**EXERCISE DETAILS:** From the first line to the last, return the data exactly as written.

**DATA TO EXAMINE:**
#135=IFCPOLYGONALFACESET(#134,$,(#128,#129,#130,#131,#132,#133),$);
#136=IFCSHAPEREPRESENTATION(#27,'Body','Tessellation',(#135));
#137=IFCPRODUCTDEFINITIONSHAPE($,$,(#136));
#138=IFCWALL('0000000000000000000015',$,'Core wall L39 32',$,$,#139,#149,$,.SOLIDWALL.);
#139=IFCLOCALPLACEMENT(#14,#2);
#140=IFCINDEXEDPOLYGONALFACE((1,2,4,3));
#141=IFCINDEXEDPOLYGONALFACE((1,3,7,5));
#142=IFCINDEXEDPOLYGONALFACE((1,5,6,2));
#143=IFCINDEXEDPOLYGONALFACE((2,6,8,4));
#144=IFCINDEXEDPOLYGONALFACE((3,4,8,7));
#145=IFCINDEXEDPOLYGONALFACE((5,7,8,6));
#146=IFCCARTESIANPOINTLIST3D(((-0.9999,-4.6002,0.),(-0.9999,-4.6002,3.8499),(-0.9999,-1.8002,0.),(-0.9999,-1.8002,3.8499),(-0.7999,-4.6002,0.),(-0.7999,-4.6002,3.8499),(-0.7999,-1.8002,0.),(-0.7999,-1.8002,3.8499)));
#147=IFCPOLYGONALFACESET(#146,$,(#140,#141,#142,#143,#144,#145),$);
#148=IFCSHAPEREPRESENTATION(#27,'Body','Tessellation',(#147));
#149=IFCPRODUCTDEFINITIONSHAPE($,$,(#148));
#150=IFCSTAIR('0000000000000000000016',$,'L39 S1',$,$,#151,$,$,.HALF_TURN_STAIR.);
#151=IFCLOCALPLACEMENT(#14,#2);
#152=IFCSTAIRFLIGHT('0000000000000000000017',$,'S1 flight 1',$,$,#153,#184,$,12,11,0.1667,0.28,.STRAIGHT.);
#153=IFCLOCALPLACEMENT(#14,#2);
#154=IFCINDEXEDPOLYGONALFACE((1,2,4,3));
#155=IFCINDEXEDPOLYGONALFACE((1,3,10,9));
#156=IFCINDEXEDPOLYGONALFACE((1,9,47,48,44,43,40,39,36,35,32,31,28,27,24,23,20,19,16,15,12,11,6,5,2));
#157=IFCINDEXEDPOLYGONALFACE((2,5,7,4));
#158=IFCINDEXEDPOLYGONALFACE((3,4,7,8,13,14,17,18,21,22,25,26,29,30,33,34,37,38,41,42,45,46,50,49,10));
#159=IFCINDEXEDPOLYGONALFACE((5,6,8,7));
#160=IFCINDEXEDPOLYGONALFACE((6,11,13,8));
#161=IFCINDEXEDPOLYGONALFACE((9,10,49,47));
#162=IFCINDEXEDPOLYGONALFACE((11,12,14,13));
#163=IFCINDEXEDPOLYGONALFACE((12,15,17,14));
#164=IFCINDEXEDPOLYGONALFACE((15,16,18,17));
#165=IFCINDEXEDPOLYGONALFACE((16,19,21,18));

**ANSWER TO THIS PROBLEM:**
#135=IFCPOLYGONALFACESET(#134,$,(#128,#129,#130,#131,#132,#133),$);
#136=IFCSHAPEREPRESENTATION(#27,'Body','Tessellation',(#135));
#137=IFCPRODUCTDEFINITIONSHAPE($,$,(#136));
#138=IFCWALL('0000000000000000000015',$,'Core wall L39 32',$,$,#139,#149,$,.SOLIDWALL.);
#139=IFCLOCALPLACEMENT(#14,#2);
#140=IFCINDEXEDPOLYGONALFACE((1,2,4,3));
#141=IFCINDEXEDPOLYGONALFACE((1,3,7,5));
#142=IFCINDEXEDPOLYGONALFACE((1,5,6,2));
#143=IFCINDEXEDPOLYGONALFACE((2,6,8,4));
#144=IFCINDEXEDPOLYGONALFACE((3,4,8,7));
#145=IFCINDEXEDPOLYGONALFACE((5,7,8,6));
#146=IFCCARTESIANPOINTLIST3D(((-0.9999,-4.6002,0.),(-0.9999,-4.6002,3.8499),(-0.9999,-1.8002,0.),(-0.9999,-1.8002,3.8499),(-0.7999,-4.6002,0.),(-0.7999,-4.6002,3.8499),(-0.7999,-1.8002,0.),(-0.7999,-1.8002,3.8499)));
#147=IFCPOLYGONALFACESET(#146,$,(#140,#141,#142,#143,#144,#145),$);
#148=IFCSHAPEREPRESENTATION(#27,'Body','Tessellation',(#147));
#149=IFCPRODUCTDEFINITIONSHAPE($,$,(#148));
#150=IFCSTAIR('0000000000000000000016',$,'L39 S1',$,$,#151,$,$,.HALF_TURN_STAIR.);
#151=IFCLOCALPLACEMENT(#14,#2);
#152=IFCSTAIRFLIGHT('0000000000000000000017',$,'S1 flight 1',$,$,#153,#184,$,12,11,0.1667,0.28,.STRAIGHT.);
#153=IFCLOCALPLACEMENT(#14,#2);
#154=IFCINDEXEDPOLYGONALFACE((1,2,4,3));
#155=IFCINDEXEDPOLYGONALFACE((1,3,10,9));
#156=IFCINDEXEDPOLYGONALFACE((1,9,47,48,44,43,40,39,36,35,32,31,28,27,24,23,20,19,16,15,12,11,6,5,2));
#157=IFCINDEXEDPOLYGONALFACE((2,5,7,4));
#158=IFCINDEXEDPOLYGONALFACE((3,4,7,8,13,14,17,18,21,22,25,26,29,30,33,34,37,38,41,42,45,46,50,49,10));
#159=IFCINDEXEDPOLYGONALFACE((5,6,8,7));
#160=IFCINDEXEDPOLYGONALFACE((6,11,13,8));
#161=IFCINDEXEDPOLYGONALFACE((9,10,49,47));
#162=IFCINDEXEDPOLYGONALFACE((11,12,14,13));
#163=IFCINDEXEDPOLYGONALFACE((12,15,17,14));
#164=IFCINDEXEDPOLYGONALFACE((15,16,18,17));
#165=IFCINDEXEDPOLYGONALFACE((16,19,21,18));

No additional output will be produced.